Wherever a line in the data holds the word "aluminium", pull that line out.

── RECORD EXCERPTS

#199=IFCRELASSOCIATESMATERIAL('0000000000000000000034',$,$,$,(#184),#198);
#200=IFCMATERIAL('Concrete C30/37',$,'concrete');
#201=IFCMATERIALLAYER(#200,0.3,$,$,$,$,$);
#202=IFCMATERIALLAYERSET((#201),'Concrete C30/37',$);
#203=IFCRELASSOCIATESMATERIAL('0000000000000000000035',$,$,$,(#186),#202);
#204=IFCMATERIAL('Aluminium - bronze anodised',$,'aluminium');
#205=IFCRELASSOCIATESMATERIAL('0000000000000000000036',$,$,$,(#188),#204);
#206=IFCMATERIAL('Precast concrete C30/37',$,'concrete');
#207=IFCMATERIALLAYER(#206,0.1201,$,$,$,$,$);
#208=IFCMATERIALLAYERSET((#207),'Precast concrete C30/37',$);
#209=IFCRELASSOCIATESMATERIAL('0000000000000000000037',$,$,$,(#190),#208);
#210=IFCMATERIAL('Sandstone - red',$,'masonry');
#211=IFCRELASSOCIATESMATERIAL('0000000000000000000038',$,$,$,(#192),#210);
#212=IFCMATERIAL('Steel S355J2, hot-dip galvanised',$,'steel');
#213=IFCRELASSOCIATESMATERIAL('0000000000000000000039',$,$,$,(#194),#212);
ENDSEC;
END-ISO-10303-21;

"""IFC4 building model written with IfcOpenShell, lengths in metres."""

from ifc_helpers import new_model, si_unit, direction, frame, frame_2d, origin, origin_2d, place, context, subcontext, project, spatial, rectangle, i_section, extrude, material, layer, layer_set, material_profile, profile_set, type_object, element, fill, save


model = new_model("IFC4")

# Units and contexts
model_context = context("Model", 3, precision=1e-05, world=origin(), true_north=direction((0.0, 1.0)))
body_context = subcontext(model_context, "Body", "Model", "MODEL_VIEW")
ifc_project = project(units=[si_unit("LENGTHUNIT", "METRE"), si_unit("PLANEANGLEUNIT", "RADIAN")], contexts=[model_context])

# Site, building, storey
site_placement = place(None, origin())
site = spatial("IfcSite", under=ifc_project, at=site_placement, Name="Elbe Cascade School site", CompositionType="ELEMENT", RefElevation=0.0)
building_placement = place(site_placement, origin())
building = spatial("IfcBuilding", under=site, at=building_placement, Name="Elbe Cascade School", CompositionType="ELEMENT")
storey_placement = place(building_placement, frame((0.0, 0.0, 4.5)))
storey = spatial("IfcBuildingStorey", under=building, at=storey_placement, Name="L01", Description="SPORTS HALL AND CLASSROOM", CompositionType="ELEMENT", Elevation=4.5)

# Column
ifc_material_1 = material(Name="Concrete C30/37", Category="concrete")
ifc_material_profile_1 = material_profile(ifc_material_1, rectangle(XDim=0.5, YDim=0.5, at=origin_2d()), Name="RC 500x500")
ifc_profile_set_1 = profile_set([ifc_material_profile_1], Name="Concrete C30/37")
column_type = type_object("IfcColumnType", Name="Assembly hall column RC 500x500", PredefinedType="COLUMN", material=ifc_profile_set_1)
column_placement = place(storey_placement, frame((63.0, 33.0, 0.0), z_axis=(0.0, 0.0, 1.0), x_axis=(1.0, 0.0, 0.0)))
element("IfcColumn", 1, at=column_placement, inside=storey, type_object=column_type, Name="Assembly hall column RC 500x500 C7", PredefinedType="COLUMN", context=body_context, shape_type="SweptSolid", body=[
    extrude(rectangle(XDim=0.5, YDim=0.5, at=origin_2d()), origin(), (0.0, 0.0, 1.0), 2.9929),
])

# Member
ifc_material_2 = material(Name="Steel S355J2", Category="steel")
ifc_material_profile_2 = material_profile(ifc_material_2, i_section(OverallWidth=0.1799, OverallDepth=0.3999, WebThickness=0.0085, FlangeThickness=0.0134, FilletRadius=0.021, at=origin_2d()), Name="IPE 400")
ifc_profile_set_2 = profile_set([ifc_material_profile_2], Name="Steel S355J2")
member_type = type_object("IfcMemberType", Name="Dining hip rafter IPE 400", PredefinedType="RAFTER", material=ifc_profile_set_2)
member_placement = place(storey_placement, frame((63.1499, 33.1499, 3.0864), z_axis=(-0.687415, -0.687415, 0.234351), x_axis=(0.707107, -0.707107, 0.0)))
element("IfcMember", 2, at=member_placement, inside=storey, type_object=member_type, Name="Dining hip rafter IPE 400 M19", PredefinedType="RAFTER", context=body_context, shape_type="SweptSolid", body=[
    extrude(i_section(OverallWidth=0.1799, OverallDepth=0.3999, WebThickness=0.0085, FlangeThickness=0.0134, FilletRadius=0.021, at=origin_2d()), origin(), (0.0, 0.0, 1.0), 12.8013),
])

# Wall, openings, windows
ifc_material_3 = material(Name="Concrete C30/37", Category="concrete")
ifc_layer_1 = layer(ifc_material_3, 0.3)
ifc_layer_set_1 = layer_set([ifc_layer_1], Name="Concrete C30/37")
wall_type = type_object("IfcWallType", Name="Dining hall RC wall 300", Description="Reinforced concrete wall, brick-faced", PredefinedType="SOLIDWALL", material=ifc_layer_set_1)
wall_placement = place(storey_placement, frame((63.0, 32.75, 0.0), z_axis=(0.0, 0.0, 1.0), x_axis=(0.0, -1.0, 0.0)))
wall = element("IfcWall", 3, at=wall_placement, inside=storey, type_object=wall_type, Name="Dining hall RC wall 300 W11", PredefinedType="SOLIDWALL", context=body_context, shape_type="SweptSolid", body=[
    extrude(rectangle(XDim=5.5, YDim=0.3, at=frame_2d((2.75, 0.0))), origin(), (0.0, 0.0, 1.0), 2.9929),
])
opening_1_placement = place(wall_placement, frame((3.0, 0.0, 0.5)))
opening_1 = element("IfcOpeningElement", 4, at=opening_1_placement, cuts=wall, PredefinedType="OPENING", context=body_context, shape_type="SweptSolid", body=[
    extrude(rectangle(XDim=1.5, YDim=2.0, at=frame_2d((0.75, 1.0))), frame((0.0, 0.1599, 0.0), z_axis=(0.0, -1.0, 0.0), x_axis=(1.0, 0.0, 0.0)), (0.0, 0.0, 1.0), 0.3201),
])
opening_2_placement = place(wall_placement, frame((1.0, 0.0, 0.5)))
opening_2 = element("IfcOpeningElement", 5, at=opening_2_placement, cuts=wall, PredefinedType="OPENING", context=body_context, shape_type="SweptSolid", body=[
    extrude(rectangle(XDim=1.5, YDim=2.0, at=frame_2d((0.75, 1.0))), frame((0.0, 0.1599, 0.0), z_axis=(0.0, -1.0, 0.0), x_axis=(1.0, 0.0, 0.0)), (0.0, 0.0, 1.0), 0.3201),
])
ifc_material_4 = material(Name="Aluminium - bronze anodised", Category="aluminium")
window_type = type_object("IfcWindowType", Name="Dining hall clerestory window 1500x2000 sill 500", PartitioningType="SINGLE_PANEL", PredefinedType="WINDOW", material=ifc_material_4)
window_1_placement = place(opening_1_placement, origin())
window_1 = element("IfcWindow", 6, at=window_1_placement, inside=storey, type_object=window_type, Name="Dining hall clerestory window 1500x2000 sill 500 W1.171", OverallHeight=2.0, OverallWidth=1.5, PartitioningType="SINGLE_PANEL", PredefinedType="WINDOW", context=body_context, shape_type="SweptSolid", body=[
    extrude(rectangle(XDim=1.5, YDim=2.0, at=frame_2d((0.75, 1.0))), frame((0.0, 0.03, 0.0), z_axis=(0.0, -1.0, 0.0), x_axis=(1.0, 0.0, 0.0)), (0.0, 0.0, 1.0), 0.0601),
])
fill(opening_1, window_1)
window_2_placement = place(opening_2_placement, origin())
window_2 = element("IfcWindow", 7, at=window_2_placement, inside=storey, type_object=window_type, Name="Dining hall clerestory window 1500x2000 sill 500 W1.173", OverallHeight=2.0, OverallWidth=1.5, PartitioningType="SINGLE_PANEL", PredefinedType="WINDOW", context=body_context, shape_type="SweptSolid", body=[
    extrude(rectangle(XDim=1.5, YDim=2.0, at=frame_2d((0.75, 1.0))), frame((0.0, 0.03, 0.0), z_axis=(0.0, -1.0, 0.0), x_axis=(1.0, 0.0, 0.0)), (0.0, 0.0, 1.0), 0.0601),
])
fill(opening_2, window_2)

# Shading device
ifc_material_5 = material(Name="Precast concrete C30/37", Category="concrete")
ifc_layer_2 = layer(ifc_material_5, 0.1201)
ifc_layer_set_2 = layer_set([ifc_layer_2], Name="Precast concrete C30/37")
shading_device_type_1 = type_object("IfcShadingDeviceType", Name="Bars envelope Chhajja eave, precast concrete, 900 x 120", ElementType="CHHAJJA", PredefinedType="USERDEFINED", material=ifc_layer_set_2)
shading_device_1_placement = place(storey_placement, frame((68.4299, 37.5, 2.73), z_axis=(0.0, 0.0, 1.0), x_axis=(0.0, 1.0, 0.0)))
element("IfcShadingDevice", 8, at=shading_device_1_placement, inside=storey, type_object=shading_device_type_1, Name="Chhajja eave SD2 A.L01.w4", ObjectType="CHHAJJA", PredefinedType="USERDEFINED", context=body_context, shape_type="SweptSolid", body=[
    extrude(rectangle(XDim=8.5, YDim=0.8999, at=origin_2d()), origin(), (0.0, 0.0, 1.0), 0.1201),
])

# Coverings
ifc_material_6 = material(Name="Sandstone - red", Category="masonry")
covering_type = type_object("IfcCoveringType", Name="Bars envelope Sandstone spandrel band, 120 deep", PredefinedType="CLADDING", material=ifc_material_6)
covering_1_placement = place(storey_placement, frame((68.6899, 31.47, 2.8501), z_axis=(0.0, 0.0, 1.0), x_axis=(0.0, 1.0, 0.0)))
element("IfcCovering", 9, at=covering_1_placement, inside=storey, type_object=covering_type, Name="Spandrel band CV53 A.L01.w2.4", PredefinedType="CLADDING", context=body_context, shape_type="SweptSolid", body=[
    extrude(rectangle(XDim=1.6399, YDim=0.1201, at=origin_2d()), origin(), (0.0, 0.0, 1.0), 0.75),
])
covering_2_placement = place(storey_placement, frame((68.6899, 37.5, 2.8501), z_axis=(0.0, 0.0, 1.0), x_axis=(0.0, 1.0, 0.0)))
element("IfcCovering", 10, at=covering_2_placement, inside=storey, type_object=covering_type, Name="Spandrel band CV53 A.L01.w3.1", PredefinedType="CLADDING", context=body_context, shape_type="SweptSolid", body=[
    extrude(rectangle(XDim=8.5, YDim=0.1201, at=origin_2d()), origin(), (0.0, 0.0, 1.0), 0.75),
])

────

● **EXERCISE OUTPUT**:
#204=IFCMATERIAL('Aluminium - bronze anodised',$,'aluminium');
ifc_material_4 = material(Name="Aluminium - bronze anodised", Category="aluminium")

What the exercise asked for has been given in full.